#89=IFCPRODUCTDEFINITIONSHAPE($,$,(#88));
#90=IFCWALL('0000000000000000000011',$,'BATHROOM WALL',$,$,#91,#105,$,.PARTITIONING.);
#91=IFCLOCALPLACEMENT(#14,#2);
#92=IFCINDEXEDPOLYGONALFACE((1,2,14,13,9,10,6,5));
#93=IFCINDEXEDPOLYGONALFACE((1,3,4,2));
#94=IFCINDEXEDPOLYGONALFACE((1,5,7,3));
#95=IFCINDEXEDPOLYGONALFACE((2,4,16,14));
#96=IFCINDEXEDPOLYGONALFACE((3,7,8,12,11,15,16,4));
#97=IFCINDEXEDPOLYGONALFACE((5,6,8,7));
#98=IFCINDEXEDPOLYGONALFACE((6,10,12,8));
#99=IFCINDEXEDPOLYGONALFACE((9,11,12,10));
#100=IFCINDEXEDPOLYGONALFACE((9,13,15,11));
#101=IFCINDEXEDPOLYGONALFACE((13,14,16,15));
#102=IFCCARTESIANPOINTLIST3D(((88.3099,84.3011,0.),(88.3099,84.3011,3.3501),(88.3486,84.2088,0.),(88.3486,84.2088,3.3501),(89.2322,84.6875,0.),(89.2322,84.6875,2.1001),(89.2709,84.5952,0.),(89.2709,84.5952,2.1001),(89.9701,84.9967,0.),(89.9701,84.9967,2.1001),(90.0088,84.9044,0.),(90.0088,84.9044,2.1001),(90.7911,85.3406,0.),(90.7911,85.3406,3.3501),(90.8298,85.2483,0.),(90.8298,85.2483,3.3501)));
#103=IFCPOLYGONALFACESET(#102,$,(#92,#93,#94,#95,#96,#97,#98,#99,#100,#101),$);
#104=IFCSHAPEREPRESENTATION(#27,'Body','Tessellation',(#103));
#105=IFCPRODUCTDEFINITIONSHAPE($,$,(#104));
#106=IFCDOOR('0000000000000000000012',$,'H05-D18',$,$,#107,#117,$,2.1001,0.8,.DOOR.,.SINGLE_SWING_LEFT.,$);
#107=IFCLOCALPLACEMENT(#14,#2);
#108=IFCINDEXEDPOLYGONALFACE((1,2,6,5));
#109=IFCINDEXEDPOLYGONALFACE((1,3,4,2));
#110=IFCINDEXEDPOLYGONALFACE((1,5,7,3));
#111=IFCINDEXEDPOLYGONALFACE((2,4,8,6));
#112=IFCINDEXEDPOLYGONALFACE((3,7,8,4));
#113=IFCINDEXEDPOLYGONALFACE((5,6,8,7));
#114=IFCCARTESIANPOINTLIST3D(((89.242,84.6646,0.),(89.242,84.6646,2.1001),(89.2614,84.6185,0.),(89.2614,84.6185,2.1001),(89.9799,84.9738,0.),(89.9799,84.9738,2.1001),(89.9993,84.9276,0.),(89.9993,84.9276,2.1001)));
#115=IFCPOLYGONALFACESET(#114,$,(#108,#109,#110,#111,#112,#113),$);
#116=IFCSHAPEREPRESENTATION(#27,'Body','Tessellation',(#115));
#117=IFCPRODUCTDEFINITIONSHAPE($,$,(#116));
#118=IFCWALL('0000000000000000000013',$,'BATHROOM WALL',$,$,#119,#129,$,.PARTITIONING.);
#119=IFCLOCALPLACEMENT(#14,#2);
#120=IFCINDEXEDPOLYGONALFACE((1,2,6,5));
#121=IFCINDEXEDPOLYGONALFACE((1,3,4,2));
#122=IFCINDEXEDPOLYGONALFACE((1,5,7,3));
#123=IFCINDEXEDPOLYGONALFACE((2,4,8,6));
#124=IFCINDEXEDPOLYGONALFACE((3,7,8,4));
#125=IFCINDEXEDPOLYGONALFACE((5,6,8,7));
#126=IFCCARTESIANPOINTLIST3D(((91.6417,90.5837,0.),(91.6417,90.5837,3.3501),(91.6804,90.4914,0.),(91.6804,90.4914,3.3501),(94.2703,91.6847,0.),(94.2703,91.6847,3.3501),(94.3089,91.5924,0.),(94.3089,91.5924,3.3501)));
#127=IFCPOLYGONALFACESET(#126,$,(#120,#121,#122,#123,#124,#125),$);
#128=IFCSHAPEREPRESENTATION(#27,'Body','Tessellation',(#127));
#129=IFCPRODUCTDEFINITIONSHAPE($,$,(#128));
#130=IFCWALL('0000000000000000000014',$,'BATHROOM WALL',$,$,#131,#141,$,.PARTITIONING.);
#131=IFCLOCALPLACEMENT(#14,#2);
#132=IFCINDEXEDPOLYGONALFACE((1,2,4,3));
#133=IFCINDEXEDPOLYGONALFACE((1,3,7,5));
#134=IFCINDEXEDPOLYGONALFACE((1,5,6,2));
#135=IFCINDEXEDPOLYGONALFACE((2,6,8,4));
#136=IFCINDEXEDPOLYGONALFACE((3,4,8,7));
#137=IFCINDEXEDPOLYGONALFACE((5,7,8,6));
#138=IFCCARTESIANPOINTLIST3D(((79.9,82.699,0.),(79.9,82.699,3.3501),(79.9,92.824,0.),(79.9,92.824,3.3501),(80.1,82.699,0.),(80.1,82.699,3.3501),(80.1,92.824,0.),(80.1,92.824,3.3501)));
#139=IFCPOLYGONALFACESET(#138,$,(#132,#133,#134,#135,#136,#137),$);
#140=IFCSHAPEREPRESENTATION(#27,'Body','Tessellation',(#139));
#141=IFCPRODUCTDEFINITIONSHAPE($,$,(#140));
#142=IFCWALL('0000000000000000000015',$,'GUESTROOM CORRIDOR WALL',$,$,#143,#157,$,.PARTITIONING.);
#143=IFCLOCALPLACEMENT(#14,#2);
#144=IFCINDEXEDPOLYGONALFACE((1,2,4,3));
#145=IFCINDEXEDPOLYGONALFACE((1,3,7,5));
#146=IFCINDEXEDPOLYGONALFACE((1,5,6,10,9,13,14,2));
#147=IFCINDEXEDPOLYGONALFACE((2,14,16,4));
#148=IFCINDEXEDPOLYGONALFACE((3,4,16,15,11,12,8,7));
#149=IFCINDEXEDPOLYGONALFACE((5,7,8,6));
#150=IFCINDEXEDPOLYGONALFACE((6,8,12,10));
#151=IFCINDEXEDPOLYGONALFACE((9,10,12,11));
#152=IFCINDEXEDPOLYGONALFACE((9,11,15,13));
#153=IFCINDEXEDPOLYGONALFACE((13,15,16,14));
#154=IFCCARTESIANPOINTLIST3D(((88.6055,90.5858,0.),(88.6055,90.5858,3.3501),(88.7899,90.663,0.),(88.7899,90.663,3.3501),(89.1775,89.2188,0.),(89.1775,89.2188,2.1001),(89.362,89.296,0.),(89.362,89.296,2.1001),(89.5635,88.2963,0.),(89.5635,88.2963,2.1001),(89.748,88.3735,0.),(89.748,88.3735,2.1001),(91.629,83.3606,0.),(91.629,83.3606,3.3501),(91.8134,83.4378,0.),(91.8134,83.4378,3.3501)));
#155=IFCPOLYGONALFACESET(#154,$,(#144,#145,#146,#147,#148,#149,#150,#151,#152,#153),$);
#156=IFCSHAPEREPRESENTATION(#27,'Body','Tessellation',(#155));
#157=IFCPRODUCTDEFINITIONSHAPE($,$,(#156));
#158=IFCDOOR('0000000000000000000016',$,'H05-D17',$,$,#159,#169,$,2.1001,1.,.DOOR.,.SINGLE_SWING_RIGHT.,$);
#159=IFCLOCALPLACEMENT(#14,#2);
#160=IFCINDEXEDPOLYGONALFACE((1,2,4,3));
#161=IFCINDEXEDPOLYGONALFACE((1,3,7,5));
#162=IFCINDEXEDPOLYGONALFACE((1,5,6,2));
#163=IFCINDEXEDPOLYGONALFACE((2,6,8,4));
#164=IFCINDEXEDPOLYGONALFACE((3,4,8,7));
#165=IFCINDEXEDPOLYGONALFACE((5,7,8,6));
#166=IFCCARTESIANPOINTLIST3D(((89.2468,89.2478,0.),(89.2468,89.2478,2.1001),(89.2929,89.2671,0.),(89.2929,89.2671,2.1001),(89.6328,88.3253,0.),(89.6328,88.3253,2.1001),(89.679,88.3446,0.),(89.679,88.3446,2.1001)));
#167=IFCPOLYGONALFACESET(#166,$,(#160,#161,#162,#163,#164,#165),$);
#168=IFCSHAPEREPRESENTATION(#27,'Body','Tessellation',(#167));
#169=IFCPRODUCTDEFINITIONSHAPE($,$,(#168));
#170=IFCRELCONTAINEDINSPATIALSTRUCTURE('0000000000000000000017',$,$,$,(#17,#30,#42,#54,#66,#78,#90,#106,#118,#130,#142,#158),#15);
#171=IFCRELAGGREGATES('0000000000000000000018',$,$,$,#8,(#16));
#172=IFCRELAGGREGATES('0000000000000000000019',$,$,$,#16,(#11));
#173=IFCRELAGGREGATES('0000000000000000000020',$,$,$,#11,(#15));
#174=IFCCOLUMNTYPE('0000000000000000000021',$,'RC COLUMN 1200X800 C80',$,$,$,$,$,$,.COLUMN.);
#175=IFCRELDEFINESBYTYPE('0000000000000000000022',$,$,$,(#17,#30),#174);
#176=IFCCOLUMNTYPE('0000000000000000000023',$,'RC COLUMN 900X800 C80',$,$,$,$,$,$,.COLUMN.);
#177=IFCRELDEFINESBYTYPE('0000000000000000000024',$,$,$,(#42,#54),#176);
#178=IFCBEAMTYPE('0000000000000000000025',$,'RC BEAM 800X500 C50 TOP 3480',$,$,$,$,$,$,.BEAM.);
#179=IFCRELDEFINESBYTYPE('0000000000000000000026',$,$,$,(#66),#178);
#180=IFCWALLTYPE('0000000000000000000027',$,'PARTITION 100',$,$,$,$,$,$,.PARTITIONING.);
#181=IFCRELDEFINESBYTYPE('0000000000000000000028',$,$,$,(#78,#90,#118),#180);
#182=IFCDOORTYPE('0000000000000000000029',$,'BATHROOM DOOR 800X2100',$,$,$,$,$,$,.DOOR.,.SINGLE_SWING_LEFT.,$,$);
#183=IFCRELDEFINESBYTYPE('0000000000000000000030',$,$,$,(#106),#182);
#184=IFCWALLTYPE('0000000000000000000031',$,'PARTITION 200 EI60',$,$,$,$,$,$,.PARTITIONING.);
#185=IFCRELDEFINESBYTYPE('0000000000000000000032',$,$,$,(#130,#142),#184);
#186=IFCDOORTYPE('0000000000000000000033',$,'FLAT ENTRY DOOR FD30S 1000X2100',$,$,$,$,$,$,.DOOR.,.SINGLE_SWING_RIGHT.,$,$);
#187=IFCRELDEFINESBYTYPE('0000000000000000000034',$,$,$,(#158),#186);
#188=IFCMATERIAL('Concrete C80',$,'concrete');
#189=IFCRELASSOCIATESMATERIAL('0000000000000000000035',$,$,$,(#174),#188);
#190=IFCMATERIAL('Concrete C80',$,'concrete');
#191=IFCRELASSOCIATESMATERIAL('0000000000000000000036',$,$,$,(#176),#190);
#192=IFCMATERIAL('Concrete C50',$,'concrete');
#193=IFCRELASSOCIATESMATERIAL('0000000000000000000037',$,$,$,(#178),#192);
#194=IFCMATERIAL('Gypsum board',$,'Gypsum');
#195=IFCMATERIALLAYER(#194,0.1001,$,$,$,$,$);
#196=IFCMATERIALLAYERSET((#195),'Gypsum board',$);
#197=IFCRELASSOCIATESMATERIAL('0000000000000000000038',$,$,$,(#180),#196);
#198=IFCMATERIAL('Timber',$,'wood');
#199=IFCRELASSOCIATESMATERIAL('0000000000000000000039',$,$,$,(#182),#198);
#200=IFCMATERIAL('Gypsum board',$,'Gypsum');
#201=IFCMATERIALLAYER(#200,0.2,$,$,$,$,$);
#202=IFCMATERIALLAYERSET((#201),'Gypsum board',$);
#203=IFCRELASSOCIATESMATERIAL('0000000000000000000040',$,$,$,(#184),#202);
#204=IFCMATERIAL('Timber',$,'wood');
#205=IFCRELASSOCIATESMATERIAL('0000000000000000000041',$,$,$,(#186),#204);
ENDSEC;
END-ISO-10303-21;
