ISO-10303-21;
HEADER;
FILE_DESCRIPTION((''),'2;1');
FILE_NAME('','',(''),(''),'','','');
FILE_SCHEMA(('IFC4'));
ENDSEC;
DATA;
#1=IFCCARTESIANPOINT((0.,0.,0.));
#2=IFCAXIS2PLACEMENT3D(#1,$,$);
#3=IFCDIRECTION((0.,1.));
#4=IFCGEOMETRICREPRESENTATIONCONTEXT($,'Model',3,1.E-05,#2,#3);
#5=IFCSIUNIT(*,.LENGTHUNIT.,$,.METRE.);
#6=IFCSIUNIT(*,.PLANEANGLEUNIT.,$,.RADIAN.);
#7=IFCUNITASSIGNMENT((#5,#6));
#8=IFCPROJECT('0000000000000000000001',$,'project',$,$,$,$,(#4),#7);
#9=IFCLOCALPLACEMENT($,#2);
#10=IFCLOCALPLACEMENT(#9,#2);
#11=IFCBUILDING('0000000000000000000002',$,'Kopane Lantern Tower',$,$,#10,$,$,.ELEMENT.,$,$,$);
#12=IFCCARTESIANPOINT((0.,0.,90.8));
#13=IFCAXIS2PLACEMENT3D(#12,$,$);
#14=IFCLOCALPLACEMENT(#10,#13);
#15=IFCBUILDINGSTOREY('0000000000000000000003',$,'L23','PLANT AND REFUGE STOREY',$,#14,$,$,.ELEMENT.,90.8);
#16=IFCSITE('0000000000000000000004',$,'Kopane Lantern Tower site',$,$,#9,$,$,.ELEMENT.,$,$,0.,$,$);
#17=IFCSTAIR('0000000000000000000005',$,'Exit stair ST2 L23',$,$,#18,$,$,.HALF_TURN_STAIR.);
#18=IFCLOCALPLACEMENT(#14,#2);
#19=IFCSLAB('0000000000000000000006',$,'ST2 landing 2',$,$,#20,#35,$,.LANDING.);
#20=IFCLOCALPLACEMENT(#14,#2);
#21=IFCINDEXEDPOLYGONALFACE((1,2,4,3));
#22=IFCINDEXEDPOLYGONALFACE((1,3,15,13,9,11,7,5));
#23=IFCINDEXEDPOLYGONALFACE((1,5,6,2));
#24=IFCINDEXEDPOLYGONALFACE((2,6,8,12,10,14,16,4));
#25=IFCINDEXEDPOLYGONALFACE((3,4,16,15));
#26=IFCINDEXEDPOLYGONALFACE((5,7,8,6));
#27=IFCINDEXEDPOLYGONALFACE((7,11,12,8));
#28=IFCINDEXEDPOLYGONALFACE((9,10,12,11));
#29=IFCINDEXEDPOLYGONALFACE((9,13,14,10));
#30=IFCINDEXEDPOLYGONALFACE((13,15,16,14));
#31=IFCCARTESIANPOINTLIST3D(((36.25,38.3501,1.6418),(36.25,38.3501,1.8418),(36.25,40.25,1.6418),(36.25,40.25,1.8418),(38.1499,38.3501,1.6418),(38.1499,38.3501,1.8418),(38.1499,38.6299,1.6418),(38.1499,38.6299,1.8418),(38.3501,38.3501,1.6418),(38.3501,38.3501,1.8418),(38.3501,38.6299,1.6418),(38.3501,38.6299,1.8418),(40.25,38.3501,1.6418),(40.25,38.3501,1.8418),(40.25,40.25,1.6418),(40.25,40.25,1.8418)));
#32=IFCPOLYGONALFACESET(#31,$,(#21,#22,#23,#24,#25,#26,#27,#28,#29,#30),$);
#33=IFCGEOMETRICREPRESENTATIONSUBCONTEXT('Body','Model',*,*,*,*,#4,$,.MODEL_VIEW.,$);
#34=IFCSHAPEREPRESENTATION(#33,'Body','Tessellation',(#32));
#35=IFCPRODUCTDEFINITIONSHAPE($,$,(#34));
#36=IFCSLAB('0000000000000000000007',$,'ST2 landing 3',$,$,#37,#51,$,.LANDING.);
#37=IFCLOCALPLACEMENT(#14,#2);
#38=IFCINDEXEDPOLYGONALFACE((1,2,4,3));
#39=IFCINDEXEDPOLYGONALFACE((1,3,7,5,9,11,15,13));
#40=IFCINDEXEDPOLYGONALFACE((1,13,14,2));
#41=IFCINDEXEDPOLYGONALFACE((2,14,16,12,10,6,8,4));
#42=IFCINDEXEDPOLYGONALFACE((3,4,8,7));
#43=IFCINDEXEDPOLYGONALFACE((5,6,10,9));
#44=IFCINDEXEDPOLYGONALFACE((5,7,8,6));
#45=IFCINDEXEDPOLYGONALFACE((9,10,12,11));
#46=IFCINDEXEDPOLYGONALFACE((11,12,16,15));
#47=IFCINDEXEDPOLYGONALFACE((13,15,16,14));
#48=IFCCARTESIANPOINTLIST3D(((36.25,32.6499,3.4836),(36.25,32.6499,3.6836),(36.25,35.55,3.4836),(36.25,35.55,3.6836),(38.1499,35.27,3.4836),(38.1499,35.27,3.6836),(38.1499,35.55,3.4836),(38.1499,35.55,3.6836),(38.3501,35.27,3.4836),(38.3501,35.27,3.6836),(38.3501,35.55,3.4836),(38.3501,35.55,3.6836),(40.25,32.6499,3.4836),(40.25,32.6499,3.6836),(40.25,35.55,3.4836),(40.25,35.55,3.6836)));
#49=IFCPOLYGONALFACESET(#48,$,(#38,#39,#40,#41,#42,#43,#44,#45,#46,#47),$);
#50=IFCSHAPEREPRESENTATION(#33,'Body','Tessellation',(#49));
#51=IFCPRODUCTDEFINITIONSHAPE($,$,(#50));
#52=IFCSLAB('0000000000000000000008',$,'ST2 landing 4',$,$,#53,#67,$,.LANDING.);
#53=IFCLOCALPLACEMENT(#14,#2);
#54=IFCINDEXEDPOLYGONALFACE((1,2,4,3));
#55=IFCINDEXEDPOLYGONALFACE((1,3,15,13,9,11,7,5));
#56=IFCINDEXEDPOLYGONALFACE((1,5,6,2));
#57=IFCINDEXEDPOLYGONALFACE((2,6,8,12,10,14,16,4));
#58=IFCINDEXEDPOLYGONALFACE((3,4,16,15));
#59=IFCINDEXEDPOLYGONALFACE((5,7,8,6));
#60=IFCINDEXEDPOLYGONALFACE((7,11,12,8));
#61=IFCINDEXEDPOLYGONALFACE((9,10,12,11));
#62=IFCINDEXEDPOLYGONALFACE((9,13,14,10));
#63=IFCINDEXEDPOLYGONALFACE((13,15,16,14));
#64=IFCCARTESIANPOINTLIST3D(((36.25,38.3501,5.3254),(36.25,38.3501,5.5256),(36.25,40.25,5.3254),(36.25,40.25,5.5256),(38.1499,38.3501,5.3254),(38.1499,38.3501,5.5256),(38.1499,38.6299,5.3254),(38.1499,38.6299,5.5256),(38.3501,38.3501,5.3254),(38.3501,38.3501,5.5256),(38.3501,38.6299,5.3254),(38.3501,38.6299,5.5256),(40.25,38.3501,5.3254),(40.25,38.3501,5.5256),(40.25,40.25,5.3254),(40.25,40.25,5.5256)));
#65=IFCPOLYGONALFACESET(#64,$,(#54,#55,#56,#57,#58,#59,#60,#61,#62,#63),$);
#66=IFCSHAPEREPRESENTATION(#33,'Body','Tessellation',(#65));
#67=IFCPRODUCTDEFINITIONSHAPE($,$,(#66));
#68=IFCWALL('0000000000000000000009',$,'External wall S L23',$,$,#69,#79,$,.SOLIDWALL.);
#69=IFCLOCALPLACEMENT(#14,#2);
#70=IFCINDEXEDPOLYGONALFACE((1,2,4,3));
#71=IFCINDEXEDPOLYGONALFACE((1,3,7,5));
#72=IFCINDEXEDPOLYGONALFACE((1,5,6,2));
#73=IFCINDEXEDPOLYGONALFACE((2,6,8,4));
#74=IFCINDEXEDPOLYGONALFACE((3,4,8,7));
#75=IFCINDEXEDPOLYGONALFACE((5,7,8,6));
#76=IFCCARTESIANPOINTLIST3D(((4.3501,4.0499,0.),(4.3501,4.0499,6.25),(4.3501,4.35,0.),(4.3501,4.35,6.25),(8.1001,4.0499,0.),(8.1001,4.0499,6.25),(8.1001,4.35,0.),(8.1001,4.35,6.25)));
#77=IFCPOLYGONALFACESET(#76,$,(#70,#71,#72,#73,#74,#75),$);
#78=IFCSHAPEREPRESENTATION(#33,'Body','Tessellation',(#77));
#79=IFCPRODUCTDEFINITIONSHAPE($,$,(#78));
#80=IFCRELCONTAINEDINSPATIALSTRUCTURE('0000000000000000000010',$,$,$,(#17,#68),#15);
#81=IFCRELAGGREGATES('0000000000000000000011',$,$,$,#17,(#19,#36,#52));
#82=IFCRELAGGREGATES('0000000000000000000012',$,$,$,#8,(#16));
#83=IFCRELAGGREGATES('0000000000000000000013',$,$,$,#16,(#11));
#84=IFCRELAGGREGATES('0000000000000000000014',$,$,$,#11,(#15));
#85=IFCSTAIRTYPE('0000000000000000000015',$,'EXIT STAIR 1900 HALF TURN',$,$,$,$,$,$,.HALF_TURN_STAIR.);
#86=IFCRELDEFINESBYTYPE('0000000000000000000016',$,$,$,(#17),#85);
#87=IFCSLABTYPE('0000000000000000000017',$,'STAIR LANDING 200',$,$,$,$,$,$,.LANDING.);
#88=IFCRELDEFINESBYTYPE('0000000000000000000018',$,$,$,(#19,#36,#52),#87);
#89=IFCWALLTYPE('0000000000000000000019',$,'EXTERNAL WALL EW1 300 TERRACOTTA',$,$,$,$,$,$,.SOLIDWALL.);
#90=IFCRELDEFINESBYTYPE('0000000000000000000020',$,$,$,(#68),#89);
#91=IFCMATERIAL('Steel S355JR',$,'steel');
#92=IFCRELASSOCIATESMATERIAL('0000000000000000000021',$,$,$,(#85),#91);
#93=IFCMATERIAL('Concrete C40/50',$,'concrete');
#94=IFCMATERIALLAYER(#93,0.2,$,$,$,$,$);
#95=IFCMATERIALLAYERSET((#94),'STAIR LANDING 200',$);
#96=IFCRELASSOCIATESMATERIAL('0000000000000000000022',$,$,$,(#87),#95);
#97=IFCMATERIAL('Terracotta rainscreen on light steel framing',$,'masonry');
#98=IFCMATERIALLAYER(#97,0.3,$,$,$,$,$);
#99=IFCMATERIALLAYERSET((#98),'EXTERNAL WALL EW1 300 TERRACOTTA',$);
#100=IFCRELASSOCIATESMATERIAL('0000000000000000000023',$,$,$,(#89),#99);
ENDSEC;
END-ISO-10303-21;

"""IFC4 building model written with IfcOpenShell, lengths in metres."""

from ifc_helpers import new_model, si_unit, direction, frame, frame_2d, origin, place, context, subcontext, project, spatial, polyline, rectangle, outline, extrude, material, layer, layer_set, type_object, element, aggregate, save


model = new_model("IFC4")

# Units and contexts
model_context = context("Model", 3, precision=1e-05, world=origin(), true_north=direction((0.0, 1.0)))
body_context = subcontext(model_context, "Body", "Model", "MODEL_VIEW")
ifc_project = project(units=[si_unit("LENGTHUNIT", "METRE"), si_unit("PLANEANGLEUNIT", "RADIAN")], contexts=[model_context])

# Site, building, storey
site_placement = place(None, origin())
site = spatial("IfcSite", under=ifc_project, at=site_placement, Name="Kopane Lantern Tower site", CompositionType="ELEMENT", RefElevation=0.0)
building_placement = place(site_placement, origin())
building = spatial("IfcBuilding", under=site, at=building_placement, Name="Kopane Lantern Tower", CompositionType="ELEMENT")
storey_placement = place(building_placement, frame((0.0, 0.0, 90.8)))
storey = spatial("IfcBuildingStorey", under=building, at=storey_placement, Name="L23", Description="PLANT AND REFUGE STOREY", CompositionType="ELEMENT", Elevation=90.8)

# Stair, slabs
ifc_material_1 = material(Name="Steel S355JR", Category="steel")
stair_type = type_object("IfcStairType", Name="EXIT STAIR 1900 HALF TURN", PredefinedType="HALF_TURN_STAIR", material=ifc_material_1)
ifc_material_2 = material(Name="Concrete C40/50", Category="concrete")
ifc_layer_1 = layer(ifc_material_2, 0.2)
ifc_layer_set_1 = layer_set([ifc_layer_1], Name="STAIR LANDING 200")
slab_type_1 = type_object("IfcSlabType", Name="STAIR LANDING 200", PredefinedType="LANDING", material=ifc_layer_set_1)
stair_1_placement = place(storey_placement, origin())
stair_1 = element("IfcStair", 1, at=stair_1_placement, inside=storey, type_object=stair_type, Name="Exit stair ST2 L23", PredefinedType="HALF_TURN_STAIR")
slab_1_placement = place(storey_placement, frame((0.0, 0.0, 1.6418)))
slab_1 = element("IfcSlab", 2, at=slab_1_placement, type_object=slab_type_1, Name="ST2 landing 2", PredefinedType="LANDING", context=body_context, shape_type="SweptSolid", body=[
    extrude(outline(polyline([(38.1499, 38.6299), (38.3501, 38.6299), (38.3501, 38.3501), (40.25, 38.3501), (40.25, 40.25), (36.25, 40.25), (36.25, 38.3501), (38.1499, 38.3501), (38.1499, 38.6299)])), origin(), (0.0, 0.0, 1.0), 0.2),
])
slab_2_placement = place(storey_placement, frame((0.0, 0.0, 3.4836)))
slab_2 = element("IfcSlab", 3, at=slab_2_placement, type_object=slab_type_1, Name="ST2 landing 3", PredefinedType="LANDING", context=body_context, shape_type="SweptSolid", body=[
    extrude(outline(polyline([(40.25, 35.55), (38.3501, 35.55), (38.3501, 35.27), (38.1499, 35.27), (38.1499, 35.55), (36.25, 35.55), (36.25, 32.6499), (40.25, 32.6499), (40.25, 35.55)])), origin(), (0.0, 0.0, 1.0), 0.2),
])
slab_3_placement = place(storey_placement, frame((0.0, 0.0, 5.3254)))
slab_3 = element("IfcSlab", 4, at=slab_3_placement, type_object=slab_type_1, Name="ST2 landing 4", PredefinedType="LANDING", context=body_context, shape_type="SweptSolid", body=[
    extrude(outline(polyline([(38.1499, 38.6299), (38.3501, 38.6299), (38.3501, 38.3501), (40.25, 38.3501), (40.25, 40.25), (36.25, 40.25), (36.25, 38.3501), (38.1499, 38.3501), (38.1499, 38.6299)])), origin(), (0.0, 0.0, 1.0), 0.2002),
])
aggregate(stair_1, [slab_1, slab_2, slab_3])

# Wall
ifc_material_3 = material(Name="Terracotta rainscreen on light steel framing", Category="masonry")
ifc_layer_2 = layer(ifc_material_3, 0.3)
ifc_layer_set_2 = layer_set([ifc_layer_2], Name="EXTERNAL WALL EW1 300 TERRACOTTA")
wall_type = type_object("IfcWallType", Name="EXTERNAL WALL EW1 300 TERRACOTTA", PredefinedType="SOLIDWALL", material=ifc_layer_set_2)
wall_placement = place(storey_placement, frame((4.3501, 4.2, 0.0), z_axis=(0.0, 0.0, 1.0), x_axis=(1.0, 0.0, 0.0)))
element("IfcWall", 5, at=wall_placement, inside=storey, type_object=wall_type, Name="External wall S L23", PredefinedType="SOLIDWALL", context=body_context, shape_type="SweptSolid", body=[
    extrude(rectangle(XDim=3.75, YDim=0.3, at=frame_2d((1.875, 0.0))), origin(), (0.0, 0.0, 1.0), 6.25),
])

save(model, "model.ifc")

:::::

» **Exercise description**: Return every line from the entries above that includes the word "PARTITIONING".

» **Solution to this problem**:
#90=IFCWALL('0000000000000000000011',$,'BATHROOM WALL',$,$,#91,#105,$,.PARTITIONING.);
#118=IFCWALL('0000000000000000000013',$,'BATHROOM WALL',$,$,#119,#129,$,.PARTITIONING.);
#130=IFCWALL('0000000000000000000014',$,'BATHROOM WALL',$,$,#131,#141,$,.PARTITIONING.);
#142=IFCWALL('0000000000000000000015',$,'GUESTROOM CORRIDOR WALL',$,$,#143,#157,$,.PARTITIONING.);
#180=IFCWALLTYPE('0000000000000000000027',$,'PARTITION 100',$,$,$,$,$,$,.PARTITIONING.);
#184=IFCWALLTYPE('0000000000000000000031',$,'PARTITION 200 EI60',$,$,$,$,$,$,.PARTITIONING.);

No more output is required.